Activity: The required output is every line from the beginning of the entries below through the line that includes "x_axis=(1.0, 0.0, 0.0)))", copied exactly.

[Dataset entries]
• • • • • • •
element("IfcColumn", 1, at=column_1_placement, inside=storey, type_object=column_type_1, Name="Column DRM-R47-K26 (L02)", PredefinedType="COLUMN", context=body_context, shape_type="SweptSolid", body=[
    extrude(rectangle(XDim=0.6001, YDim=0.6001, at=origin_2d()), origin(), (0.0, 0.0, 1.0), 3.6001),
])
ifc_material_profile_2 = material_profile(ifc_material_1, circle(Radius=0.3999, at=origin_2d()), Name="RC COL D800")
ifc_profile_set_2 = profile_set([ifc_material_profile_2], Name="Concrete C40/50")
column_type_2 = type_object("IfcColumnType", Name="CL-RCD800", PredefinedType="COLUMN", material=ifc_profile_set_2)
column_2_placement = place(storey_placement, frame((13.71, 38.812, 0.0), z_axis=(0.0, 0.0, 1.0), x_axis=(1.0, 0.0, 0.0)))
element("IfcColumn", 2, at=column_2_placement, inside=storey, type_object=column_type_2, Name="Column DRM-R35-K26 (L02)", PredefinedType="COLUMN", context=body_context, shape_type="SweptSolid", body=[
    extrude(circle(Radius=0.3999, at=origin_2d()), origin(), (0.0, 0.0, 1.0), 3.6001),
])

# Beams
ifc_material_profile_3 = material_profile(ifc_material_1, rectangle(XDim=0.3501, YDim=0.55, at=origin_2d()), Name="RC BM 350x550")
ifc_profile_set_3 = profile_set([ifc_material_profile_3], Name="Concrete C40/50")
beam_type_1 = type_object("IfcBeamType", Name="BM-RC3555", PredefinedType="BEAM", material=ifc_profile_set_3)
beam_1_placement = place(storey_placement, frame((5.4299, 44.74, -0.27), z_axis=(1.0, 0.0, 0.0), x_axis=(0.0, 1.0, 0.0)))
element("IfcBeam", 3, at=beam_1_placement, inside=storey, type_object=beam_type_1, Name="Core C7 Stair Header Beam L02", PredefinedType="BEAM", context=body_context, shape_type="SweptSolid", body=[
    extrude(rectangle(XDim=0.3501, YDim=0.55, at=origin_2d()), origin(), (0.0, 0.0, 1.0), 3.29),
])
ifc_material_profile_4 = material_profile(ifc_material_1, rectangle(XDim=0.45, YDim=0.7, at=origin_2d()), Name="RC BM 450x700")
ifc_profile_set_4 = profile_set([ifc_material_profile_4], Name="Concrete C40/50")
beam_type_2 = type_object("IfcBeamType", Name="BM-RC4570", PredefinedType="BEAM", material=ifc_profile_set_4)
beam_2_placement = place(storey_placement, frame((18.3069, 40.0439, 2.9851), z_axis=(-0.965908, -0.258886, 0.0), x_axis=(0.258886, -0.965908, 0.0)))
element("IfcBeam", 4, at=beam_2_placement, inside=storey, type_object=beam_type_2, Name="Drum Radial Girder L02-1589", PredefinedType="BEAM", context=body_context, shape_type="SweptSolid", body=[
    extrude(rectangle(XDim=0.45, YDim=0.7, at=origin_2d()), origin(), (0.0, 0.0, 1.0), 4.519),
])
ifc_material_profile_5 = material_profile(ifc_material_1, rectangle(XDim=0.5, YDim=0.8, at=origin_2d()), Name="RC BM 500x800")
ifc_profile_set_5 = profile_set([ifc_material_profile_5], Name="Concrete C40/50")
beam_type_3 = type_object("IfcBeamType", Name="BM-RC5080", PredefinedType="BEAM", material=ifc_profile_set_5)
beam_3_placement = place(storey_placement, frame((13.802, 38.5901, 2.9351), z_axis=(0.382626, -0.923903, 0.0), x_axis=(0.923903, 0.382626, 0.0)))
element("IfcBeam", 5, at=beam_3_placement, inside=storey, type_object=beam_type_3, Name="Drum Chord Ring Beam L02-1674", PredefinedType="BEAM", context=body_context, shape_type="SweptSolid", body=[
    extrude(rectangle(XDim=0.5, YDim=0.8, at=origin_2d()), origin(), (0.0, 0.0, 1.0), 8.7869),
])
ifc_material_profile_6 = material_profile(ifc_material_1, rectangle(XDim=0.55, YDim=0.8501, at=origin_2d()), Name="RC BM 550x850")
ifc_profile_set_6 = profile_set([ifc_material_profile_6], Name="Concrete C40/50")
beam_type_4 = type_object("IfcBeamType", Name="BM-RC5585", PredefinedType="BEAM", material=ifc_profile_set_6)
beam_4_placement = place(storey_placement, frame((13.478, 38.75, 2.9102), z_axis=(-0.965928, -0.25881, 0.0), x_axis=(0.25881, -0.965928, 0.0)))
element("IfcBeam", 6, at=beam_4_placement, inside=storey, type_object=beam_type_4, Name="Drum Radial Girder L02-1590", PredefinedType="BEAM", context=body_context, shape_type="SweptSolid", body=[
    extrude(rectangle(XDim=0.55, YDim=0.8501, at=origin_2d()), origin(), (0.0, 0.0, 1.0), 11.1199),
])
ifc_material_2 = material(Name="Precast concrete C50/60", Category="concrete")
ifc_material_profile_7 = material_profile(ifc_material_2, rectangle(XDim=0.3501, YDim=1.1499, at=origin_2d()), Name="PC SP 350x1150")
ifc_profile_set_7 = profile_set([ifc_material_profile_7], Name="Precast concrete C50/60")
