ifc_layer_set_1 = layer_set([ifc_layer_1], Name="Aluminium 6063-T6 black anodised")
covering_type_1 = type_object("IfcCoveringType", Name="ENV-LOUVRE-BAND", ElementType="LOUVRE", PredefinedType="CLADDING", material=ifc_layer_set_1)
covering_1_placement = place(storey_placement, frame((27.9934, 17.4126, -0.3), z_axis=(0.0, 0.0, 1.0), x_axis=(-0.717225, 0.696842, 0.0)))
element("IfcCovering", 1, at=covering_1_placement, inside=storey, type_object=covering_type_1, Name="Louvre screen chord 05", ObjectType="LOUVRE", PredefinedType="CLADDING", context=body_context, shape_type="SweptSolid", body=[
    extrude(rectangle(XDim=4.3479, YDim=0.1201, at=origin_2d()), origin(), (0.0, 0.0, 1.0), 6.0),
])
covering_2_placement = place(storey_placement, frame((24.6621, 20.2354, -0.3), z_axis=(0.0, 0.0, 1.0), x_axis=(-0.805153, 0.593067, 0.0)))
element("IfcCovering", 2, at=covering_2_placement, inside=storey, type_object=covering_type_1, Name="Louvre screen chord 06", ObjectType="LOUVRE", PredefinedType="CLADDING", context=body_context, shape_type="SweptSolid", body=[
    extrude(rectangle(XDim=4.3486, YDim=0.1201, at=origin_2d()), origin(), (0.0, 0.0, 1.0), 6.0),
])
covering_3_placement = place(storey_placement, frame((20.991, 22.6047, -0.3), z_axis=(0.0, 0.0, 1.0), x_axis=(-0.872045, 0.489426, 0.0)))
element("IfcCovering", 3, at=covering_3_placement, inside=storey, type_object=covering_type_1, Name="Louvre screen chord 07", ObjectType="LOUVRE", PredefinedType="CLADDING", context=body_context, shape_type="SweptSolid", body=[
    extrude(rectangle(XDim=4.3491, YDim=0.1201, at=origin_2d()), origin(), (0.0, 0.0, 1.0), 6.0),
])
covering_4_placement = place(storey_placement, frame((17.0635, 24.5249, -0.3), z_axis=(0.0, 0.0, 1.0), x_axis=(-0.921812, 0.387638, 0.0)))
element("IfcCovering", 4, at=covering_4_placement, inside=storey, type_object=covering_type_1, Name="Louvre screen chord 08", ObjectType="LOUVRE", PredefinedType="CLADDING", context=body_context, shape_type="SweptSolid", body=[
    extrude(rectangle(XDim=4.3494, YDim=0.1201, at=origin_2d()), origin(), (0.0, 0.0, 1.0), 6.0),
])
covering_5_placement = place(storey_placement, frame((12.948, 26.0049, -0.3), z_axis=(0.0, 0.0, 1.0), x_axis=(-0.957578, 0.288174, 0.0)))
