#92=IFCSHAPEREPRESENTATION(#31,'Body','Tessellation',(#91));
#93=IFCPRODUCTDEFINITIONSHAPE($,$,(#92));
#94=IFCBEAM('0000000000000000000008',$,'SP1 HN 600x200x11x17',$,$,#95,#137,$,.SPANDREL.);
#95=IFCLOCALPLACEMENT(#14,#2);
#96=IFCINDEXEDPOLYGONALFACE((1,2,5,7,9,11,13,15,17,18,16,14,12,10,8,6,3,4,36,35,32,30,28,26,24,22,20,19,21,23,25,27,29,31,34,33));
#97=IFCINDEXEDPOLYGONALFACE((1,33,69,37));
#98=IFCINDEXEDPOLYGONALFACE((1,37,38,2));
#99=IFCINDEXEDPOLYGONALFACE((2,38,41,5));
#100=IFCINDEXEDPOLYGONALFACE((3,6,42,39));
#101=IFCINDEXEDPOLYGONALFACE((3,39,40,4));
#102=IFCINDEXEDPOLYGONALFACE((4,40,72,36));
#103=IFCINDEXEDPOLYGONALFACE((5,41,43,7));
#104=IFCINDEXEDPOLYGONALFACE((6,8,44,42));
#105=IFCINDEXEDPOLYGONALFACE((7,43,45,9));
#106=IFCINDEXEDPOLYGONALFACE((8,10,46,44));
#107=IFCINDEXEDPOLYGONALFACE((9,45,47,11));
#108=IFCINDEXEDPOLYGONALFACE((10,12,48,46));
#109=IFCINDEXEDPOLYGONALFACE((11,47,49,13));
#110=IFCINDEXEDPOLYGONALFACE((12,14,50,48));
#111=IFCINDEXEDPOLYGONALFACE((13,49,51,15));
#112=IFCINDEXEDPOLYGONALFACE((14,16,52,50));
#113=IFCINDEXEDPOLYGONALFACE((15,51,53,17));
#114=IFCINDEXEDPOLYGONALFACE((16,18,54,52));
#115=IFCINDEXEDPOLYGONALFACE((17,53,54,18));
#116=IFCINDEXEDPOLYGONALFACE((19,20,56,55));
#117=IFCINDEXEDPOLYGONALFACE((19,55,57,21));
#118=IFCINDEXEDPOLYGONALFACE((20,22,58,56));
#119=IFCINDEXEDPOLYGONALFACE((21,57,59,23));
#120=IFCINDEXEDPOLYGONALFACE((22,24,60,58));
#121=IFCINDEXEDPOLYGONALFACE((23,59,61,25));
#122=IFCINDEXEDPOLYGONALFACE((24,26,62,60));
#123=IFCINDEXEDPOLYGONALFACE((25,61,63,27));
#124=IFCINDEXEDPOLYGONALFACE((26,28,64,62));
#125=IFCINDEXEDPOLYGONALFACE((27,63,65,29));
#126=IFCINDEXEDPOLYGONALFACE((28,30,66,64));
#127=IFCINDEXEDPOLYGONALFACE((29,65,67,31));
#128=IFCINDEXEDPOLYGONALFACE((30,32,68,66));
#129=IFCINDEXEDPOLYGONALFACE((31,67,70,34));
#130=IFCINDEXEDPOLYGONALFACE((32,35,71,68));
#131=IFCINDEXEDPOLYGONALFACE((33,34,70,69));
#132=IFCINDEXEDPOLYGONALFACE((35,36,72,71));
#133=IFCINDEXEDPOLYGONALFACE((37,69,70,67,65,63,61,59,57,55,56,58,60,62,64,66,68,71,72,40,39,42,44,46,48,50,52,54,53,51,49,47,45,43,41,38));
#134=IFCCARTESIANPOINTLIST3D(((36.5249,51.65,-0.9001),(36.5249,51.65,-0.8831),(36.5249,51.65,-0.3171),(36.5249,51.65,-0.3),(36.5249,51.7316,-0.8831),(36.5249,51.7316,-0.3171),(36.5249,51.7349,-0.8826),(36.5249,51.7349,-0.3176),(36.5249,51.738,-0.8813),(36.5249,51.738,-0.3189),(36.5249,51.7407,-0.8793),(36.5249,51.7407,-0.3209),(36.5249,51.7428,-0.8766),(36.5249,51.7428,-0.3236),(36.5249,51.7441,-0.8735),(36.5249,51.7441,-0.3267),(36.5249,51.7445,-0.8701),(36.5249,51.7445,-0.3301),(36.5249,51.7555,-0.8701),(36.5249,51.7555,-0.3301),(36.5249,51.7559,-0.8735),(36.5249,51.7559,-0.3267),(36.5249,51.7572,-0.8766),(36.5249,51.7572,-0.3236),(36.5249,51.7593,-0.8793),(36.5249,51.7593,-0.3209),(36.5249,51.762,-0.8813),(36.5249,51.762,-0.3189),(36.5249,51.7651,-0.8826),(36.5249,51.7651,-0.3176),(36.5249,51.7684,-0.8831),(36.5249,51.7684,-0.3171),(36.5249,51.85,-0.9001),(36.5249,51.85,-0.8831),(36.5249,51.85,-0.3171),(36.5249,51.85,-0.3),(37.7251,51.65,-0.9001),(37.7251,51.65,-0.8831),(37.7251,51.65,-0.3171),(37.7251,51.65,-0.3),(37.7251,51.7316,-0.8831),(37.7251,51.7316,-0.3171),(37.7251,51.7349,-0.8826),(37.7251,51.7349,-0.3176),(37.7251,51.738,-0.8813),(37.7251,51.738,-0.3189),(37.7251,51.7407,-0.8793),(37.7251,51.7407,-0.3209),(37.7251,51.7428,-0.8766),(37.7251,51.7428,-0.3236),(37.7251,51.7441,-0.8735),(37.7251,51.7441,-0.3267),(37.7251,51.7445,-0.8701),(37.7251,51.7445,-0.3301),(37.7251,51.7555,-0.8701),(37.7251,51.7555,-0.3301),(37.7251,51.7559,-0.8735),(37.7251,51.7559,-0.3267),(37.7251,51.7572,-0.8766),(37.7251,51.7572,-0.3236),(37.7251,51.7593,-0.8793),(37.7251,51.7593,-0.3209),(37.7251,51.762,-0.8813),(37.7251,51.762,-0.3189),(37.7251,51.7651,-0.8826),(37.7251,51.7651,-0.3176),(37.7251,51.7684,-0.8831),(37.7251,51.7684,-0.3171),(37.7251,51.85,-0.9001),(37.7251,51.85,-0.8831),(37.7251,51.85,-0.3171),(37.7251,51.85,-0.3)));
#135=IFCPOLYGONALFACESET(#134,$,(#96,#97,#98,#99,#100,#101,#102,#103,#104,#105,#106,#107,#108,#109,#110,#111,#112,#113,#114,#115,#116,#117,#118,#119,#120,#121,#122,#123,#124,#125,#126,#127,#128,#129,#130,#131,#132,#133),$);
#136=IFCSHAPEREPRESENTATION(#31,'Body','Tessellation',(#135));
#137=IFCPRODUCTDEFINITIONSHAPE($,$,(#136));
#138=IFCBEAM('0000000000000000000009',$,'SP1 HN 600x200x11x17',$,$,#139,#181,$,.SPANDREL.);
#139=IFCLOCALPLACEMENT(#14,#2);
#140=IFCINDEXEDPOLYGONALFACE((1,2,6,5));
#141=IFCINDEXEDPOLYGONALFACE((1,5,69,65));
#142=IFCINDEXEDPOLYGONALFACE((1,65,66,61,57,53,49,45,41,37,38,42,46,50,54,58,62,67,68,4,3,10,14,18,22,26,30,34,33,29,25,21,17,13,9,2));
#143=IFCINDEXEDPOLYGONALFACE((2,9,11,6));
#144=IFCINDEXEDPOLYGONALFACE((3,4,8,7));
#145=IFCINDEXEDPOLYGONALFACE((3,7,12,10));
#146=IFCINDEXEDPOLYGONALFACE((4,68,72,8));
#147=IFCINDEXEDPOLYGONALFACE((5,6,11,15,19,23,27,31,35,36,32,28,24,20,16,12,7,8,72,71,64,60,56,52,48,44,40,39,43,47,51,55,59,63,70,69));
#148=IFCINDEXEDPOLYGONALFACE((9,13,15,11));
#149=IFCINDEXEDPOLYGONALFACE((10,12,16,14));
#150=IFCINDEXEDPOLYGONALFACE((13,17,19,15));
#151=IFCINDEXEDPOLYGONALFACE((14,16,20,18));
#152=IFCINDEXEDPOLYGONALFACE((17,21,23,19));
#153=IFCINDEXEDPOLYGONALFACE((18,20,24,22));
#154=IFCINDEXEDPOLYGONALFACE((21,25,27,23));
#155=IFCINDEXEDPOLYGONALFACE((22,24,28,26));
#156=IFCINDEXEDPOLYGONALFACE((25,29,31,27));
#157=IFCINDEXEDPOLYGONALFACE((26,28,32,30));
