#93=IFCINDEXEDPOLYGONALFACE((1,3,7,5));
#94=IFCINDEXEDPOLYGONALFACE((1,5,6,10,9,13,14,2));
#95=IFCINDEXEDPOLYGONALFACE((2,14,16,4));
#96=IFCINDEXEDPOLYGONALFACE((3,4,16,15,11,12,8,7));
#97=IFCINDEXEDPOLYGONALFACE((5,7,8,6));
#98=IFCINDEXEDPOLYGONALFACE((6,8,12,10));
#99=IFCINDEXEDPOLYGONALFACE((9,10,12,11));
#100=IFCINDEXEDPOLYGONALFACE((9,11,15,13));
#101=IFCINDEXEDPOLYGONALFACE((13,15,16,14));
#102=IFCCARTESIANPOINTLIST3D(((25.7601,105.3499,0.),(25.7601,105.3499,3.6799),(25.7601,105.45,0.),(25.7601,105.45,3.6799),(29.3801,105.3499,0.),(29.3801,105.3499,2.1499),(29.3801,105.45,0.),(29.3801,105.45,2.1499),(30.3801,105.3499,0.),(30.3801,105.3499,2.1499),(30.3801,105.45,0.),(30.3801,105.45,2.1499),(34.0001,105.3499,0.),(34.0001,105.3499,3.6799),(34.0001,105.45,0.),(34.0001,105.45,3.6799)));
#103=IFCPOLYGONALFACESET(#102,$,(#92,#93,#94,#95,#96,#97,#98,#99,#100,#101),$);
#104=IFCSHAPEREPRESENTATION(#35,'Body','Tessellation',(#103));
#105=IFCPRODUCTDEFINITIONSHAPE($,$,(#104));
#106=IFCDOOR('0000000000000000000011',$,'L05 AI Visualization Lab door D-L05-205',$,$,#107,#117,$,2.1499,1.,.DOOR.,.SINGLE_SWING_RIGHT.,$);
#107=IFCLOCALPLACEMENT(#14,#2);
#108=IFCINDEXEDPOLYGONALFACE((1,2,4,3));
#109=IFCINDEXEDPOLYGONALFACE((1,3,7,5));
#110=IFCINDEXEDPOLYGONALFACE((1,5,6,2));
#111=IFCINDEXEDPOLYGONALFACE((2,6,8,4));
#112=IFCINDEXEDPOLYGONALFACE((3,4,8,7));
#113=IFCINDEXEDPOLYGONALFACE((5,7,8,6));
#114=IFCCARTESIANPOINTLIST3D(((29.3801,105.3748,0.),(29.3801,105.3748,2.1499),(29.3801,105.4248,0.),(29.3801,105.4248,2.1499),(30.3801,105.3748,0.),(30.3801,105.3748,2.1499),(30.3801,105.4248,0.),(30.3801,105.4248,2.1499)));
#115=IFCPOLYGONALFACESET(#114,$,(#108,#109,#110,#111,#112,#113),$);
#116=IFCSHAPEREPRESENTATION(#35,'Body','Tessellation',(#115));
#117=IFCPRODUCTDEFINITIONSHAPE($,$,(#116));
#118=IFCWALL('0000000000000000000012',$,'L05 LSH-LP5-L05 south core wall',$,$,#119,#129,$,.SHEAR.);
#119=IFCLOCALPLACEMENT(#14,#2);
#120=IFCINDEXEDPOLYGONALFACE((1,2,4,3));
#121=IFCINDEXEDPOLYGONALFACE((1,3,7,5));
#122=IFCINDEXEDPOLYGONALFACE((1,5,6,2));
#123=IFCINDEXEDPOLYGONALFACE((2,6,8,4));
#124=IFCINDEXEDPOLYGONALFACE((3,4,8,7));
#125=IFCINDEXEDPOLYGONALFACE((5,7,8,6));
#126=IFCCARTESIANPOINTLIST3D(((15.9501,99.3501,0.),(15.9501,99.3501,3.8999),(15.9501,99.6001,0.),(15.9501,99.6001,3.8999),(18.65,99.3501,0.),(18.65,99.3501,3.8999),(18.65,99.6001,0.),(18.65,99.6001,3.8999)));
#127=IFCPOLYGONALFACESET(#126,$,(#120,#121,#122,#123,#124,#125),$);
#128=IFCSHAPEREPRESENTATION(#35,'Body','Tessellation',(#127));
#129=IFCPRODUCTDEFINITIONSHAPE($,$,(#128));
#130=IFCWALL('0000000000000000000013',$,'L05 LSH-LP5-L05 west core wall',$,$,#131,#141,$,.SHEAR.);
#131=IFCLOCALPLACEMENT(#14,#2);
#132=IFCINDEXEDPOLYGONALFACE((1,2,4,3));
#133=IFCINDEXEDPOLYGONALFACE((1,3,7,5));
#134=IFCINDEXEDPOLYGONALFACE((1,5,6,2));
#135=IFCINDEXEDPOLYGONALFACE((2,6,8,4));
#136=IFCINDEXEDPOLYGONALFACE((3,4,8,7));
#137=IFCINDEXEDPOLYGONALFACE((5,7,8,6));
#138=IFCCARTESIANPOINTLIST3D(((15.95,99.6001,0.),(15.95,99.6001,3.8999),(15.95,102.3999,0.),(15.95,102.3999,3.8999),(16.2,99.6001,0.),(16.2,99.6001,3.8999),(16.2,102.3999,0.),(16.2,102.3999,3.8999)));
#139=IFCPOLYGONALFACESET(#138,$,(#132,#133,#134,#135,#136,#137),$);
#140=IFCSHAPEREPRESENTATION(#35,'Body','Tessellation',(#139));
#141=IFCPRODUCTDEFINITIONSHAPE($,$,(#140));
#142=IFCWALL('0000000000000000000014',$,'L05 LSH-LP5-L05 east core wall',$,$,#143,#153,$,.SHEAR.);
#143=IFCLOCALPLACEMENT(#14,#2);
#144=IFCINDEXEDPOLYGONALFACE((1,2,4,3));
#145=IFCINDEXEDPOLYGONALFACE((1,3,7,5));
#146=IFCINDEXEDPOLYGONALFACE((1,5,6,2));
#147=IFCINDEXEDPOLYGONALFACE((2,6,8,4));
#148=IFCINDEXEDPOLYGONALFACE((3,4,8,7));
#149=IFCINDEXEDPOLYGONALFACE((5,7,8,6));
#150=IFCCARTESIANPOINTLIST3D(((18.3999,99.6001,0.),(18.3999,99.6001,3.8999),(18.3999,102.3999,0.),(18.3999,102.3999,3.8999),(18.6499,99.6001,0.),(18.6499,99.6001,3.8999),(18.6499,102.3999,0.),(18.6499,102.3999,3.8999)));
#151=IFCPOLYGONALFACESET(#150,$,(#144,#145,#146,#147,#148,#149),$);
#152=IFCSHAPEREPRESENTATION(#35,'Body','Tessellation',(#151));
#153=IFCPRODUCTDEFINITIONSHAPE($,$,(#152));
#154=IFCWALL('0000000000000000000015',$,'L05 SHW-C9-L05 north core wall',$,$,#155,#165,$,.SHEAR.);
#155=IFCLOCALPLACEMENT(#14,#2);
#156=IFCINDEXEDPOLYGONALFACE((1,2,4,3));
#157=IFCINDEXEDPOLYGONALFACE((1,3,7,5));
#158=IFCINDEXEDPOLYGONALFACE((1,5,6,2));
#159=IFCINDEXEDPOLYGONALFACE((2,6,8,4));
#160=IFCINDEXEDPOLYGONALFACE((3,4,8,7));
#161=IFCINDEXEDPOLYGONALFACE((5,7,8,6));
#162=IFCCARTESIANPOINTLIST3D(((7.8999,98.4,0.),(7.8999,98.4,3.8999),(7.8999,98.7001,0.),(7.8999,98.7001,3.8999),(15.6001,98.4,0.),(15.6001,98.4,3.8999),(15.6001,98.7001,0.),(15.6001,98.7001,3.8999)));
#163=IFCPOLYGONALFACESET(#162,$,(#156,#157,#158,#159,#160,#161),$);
• • • • • • •
Task output:
element("IfcColumn", 1, at=column_1_placement, inside=storey, type_object=column_type_1, Name="Column DRM-R47-K26 (L02)", PredefinedType="COLUMN", context=body_context, shape_type="SweptSolid", body=[
    extrude(rectangle(XDim=0.6001, YDim=0.6001, at=origin_2d()), origin(), (0.0, 0.0, 1.0), 3.6001),
])
ifc_material_profile_2 = material_profile(ifc_material_1, circle(Radius=0.3999, at=origin_2d()), Name="RC COL D800")
ifc_profile_set_2 = profile_set([ifc_material_profile_2], Name="Concrete C40/50")
column_type_2 = type_object("IfcColumnType", Name="CL-RCD800", PredefinedType="COLUMN", material=ifc_profile_set_2)
column_2_placement = place(storey_placement, frame((13.71, 38.812, 0.0), z_axis=(0.0, 0.0, 1.0), x_axis=(1.0, 0.0, 0.0)))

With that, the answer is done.